## [Exercise]
What is the number of lines in these records with "WallThickness" in them? Answer with that number only.

-------- Records --------

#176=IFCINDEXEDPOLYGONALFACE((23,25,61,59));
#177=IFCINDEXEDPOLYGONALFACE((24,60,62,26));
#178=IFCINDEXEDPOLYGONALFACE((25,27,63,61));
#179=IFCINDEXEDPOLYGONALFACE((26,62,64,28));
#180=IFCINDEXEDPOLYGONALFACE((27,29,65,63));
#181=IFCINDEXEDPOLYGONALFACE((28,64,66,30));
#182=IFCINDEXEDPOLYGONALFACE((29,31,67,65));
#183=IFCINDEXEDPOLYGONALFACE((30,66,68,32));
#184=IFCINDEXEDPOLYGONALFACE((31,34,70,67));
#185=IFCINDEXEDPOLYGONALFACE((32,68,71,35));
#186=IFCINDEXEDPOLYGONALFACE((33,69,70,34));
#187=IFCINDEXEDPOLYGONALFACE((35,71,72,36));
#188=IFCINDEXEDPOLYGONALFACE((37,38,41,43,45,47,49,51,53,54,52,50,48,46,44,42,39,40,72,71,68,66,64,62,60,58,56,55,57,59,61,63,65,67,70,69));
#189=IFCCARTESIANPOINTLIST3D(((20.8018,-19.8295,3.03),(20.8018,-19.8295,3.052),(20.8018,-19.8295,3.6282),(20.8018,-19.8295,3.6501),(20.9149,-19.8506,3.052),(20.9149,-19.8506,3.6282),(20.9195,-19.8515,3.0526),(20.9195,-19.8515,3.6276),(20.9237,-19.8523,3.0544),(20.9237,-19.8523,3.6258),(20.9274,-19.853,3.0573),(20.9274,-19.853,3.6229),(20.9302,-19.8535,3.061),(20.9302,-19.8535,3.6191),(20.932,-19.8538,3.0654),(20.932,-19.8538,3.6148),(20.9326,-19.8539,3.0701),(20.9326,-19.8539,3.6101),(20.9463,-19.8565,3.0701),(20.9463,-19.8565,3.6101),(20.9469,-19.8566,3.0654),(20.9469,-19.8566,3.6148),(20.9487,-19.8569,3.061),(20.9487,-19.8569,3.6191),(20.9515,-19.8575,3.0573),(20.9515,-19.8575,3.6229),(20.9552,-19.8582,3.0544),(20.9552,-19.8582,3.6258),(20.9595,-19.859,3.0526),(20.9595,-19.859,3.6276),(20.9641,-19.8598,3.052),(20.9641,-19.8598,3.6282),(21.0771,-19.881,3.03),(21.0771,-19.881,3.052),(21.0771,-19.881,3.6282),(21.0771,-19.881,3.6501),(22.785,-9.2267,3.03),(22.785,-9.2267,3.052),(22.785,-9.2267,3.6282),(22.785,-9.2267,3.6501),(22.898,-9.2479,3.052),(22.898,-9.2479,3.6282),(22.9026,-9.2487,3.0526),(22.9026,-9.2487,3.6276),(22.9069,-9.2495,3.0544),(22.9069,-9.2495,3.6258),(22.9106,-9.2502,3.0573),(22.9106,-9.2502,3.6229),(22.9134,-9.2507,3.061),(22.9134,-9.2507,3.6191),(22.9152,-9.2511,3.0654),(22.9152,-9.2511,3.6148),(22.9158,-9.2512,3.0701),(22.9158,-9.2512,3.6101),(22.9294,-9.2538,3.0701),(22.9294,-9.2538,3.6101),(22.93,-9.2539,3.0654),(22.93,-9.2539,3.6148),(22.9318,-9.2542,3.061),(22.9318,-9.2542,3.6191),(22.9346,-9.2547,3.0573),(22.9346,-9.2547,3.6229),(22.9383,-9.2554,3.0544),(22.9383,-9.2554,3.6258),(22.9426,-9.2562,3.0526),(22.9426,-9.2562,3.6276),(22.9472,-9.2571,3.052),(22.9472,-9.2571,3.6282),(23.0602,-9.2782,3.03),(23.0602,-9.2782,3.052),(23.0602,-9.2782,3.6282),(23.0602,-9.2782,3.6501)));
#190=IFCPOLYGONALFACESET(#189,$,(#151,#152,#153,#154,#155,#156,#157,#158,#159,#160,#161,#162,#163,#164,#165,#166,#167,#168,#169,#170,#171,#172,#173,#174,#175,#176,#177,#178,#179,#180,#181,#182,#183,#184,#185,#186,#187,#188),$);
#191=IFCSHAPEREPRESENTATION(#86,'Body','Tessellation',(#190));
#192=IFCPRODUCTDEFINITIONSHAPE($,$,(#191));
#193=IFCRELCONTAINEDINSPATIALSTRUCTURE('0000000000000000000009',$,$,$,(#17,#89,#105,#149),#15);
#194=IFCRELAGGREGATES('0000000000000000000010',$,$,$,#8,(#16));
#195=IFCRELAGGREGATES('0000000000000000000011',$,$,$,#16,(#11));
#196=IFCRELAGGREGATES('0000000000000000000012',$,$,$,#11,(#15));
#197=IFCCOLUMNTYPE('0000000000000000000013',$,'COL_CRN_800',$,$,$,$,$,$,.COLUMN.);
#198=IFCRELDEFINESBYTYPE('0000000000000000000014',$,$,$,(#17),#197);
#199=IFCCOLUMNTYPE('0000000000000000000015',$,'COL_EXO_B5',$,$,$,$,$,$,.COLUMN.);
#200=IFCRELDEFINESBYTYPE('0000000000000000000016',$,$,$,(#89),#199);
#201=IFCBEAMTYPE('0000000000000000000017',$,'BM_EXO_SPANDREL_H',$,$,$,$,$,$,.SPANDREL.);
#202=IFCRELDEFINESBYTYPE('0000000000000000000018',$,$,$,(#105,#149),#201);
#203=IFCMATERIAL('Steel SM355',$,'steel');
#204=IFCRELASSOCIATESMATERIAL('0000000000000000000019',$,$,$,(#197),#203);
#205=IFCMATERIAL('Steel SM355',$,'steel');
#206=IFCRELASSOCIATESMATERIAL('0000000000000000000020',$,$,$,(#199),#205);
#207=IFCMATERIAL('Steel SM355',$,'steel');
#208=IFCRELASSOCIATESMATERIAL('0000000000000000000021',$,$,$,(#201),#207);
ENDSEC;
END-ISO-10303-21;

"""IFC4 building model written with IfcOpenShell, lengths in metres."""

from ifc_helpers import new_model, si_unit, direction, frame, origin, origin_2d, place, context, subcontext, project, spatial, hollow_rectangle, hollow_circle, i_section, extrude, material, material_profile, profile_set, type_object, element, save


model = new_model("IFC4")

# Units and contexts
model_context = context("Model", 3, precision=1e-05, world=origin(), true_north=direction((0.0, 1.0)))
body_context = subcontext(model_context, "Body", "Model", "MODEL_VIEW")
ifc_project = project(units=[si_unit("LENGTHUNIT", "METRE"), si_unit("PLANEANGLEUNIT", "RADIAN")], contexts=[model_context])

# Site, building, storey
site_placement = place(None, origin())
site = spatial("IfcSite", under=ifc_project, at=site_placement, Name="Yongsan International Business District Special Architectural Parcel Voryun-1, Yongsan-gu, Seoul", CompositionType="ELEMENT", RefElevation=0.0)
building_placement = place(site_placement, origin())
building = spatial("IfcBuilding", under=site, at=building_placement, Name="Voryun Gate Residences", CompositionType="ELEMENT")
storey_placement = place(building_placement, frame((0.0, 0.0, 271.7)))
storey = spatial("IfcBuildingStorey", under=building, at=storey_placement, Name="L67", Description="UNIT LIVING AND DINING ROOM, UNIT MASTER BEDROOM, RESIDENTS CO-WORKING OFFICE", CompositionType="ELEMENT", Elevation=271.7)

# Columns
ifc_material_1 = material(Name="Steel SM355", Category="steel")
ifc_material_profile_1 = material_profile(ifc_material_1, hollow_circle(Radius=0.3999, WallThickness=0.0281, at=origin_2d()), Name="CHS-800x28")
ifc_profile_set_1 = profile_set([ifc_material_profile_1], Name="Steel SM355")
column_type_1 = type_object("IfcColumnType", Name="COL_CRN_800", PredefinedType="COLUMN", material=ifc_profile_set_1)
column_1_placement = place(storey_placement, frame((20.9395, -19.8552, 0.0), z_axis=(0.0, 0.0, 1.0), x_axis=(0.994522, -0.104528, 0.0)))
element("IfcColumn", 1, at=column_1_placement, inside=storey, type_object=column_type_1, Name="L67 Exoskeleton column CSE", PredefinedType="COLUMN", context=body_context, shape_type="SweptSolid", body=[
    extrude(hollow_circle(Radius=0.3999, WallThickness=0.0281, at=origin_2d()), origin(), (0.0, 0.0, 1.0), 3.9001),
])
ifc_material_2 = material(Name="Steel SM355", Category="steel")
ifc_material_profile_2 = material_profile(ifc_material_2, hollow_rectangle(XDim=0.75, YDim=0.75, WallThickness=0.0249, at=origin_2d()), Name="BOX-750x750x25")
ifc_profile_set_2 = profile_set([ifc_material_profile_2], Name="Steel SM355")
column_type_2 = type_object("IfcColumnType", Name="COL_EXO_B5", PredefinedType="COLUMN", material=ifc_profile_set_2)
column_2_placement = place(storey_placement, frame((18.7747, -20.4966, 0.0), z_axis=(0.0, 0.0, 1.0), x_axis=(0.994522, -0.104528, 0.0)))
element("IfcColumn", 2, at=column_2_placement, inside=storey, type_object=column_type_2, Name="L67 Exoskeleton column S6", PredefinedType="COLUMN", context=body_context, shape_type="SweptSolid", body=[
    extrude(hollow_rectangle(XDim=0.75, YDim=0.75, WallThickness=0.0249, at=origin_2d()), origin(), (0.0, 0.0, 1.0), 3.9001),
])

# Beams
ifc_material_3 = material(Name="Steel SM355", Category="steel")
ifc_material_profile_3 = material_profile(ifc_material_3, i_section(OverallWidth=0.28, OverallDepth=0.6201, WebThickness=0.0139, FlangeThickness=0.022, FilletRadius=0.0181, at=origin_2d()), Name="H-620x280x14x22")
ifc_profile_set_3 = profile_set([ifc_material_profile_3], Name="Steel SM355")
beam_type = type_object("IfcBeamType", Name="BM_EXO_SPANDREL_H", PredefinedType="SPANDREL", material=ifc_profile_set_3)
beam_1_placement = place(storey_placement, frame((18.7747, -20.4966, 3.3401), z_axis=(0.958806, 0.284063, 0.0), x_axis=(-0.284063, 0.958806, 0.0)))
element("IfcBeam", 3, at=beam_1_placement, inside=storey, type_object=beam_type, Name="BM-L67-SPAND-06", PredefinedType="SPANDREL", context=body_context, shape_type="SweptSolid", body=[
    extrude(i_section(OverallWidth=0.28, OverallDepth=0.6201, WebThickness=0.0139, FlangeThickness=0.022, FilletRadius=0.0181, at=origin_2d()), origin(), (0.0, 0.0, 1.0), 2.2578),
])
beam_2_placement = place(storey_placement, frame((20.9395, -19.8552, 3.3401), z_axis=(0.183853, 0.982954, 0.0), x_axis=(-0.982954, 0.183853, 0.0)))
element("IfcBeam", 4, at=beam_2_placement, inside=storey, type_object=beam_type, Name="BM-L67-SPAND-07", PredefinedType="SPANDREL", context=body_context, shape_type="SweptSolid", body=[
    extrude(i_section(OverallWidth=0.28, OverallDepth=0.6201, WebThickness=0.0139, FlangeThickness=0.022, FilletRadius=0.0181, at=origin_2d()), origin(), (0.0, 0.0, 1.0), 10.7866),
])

--------

## [Exercise solution]
4